RAW DATA:
^^^^^^^^
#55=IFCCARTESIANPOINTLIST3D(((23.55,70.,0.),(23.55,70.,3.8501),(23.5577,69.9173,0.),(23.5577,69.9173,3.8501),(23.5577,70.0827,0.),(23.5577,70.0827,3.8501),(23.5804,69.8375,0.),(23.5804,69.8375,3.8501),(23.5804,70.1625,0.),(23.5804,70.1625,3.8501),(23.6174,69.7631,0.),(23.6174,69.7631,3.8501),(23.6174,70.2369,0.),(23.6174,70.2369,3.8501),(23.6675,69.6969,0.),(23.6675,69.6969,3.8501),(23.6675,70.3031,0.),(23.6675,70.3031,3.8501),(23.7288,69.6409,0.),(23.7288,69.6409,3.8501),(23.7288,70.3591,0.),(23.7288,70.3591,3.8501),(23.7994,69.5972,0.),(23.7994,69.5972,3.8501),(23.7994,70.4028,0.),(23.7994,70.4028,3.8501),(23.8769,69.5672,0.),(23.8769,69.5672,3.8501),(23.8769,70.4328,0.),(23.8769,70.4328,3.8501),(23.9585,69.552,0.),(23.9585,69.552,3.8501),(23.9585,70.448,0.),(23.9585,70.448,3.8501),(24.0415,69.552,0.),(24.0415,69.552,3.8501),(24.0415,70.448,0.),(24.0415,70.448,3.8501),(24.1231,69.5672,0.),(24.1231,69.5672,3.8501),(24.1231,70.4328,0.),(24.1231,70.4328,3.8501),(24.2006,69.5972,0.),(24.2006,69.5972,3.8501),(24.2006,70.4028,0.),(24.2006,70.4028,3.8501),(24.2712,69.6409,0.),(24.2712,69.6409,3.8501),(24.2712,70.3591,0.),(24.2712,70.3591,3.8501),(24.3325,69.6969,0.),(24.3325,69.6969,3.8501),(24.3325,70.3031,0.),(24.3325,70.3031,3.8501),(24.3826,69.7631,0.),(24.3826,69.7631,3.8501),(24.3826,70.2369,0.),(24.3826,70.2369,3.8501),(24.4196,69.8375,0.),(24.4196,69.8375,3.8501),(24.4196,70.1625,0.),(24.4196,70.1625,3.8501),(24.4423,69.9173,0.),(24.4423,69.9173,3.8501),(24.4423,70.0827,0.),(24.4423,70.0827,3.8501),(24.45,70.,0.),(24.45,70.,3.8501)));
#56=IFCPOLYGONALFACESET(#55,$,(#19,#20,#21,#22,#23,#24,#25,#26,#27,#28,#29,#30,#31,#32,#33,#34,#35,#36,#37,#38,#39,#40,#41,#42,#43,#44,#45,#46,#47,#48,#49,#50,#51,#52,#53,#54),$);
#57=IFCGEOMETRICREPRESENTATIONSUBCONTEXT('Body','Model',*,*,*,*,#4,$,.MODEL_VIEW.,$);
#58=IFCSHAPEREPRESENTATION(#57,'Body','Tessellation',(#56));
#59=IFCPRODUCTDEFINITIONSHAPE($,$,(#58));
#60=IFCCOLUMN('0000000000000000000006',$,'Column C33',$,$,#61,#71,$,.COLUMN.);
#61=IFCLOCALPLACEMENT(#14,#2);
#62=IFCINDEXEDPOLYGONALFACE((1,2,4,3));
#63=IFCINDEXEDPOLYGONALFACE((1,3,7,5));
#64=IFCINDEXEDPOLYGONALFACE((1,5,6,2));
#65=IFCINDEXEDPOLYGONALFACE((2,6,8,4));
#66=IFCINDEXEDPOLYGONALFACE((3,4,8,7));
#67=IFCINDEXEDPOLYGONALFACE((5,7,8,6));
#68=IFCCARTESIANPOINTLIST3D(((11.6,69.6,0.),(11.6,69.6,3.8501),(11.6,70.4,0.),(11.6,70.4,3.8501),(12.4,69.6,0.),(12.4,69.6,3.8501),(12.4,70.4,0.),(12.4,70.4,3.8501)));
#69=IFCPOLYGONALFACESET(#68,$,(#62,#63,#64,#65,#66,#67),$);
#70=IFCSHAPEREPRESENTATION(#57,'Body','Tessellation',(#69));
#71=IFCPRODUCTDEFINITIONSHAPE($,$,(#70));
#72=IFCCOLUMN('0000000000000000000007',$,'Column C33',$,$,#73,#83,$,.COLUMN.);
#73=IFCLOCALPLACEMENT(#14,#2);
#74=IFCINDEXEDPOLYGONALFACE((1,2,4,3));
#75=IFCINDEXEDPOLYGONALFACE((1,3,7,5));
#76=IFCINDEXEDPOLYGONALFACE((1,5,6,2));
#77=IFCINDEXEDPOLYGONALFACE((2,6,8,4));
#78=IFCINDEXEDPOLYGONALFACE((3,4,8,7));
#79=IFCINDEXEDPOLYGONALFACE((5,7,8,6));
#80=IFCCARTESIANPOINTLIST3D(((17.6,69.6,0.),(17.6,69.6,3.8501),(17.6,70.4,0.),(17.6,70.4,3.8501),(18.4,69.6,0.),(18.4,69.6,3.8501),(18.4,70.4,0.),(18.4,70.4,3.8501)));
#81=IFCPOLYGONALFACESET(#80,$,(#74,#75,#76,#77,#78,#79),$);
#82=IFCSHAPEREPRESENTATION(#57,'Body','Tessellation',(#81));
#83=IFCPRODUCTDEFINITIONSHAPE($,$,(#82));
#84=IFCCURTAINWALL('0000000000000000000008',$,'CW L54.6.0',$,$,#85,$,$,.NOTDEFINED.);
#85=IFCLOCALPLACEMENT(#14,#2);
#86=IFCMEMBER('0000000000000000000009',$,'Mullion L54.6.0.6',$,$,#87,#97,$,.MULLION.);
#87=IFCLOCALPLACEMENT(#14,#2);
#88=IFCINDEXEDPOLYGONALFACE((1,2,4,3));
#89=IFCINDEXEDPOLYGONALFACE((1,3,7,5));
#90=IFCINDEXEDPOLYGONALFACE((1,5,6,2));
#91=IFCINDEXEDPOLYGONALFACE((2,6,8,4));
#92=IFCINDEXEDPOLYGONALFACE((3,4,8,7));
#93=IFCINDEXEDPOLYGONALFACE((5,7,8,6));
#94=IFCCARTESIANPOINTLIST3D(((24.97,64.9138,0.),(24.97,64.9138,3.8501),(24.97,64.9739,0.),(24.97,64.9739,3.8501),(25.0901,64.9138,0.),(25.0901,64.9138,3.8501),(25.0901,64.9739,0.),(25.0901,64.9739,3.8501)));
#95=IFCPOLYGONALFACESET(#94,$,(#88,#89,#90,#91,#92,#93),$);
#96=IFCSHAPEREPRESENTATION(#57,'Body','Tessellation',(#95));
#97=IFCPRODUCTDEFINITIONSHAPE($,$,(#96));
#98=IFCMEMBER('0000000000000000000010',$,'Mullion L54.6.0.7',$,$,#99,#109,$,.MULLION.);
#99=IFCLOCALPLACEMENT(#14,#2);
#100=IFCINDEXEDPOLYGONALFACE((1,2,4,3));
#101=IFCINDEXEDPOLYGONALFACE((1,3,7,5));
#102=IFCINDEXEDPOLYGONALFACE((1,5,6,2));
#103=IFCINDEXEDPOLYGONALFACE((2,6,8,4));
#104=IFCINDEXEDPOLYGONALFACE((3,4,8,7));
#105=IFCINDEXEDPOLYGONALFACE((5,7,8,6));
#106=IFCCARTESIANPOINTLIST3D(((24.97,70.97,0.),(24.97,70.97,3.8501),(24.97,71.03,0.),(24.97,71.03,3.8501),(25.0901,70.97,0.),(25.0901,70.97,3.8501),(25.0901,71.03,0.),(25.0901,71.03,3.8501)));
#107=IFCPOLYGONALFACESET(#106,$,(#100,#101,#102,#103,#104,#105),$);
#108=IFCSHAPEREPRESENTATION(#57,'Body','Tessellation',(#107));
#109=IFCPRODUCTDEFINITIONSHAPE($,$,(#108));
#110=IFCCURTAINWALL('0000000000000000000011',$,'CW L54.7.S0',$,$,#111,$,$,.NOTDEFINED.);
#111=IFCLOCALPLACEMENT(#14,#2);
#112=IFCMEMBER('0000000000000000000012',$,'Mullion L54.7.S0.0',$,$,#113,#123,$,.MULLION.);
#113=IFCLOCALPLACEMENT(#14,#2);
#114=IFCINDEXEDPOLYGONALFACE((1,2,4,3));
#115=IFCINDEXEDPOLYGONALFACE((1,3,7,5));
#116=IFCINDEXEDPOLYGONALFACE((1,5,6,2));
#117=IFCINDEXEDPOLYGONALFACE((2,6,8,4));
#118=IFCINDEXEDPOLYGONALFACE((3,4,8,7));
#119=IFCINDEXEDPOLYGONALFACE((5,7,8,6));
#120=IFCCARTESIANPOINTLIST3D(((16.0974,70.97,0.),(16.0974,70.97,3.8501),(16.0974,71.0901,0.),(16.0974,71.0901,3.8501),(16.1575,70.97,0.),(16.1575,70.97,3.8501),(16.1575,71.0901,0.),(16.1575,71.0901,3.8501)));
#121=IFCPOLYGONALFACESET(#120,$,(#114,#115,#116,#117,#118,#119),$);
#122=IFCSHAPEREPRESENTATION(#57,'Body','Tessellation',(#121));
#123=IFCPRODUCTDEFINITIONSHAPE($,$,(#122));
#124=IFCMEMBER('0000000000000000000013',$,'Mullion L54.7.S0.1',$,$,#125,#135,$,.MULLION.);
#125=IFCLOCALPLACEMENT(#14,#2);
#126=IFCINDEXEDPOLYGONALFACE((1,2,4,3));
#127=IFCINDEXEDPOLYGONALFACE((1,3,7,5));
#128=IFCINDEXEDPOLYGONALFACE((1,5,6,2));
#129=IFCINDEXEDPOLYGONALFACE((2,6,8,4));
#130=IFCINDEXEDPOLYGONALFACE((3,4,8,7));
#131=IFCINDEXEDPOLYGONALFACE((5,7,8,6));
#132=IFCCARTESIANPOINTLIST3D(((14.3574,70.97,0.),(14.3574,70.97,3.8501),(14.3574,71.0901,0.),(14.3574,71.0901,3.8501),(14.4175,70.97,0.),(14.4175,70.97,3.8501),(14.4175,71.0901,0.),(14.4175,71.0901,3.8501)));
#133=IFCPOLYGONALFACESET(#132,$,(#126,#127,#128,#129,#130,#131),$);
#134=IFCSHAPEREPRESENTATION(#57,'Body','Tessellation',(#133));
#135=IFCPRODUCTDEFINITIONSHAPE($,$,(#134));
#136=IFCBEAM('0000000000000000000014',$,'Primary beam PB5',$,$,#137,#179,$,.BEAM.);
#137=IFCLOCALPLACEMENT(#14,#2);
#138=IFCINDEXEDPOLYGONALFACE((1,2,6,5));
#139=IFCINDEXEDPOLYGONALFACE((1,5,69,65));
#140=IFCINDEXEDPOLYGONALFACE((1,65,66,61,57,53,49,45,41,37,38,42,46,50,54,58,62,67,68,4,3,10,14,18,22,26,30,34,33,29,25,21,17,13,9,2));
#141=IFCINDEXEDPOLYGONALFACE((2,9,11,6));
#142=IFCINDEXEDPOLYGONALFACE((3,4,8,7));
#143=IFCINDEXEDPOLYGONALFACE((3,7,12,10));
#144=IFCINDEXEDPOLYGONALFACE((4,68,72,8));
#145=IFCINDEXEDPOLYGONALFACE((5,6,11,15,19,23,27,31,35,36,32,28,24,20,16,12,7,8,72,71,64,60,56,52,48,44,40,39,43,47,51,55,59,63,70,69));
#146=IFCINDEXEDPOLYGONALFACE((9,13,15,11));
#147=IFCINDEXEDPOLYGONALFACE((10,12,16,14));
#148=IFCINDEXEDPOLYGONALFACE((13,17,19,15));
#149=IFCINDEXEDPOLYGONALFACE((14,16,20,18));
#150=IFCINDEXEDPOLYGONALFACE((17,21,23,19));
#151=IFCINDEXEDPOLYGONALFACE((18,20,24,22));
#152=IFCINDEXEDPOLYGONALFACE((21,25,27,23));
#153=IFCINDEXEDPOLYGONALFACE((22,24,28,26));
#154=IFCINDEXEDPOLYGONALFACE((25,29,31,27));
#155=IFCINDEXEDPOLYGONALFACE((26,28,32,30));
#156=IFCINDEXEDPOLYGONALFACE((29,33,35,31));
^^^^^^^^
TASK DESCRIPTION: Set apart and copy each line of the records that holds the word "MULLION".

SOLUTION TO THE EXERCISE:
#86=IFCMEMBER('0000000000000000000009',$,'Mullion L54.6.0.6',$,$,#87,#97,$,.MULLION.);
#98=IFCMEMBER('0000000000000000000010',$,'Mullion L54.6.0.7',$,$,#99,#109,$,.MULLION.);
#112=IFCMEMBER('0000000000000000000012',$,'Mullion L54.7.S0.0',$,$,#113,#123,$,.MULLION.);
#124=IFCMEMBER('0000000000000000000013',$,'Mullion L54.7.S0.1',$,$,#125,#135,$,.MULLION.);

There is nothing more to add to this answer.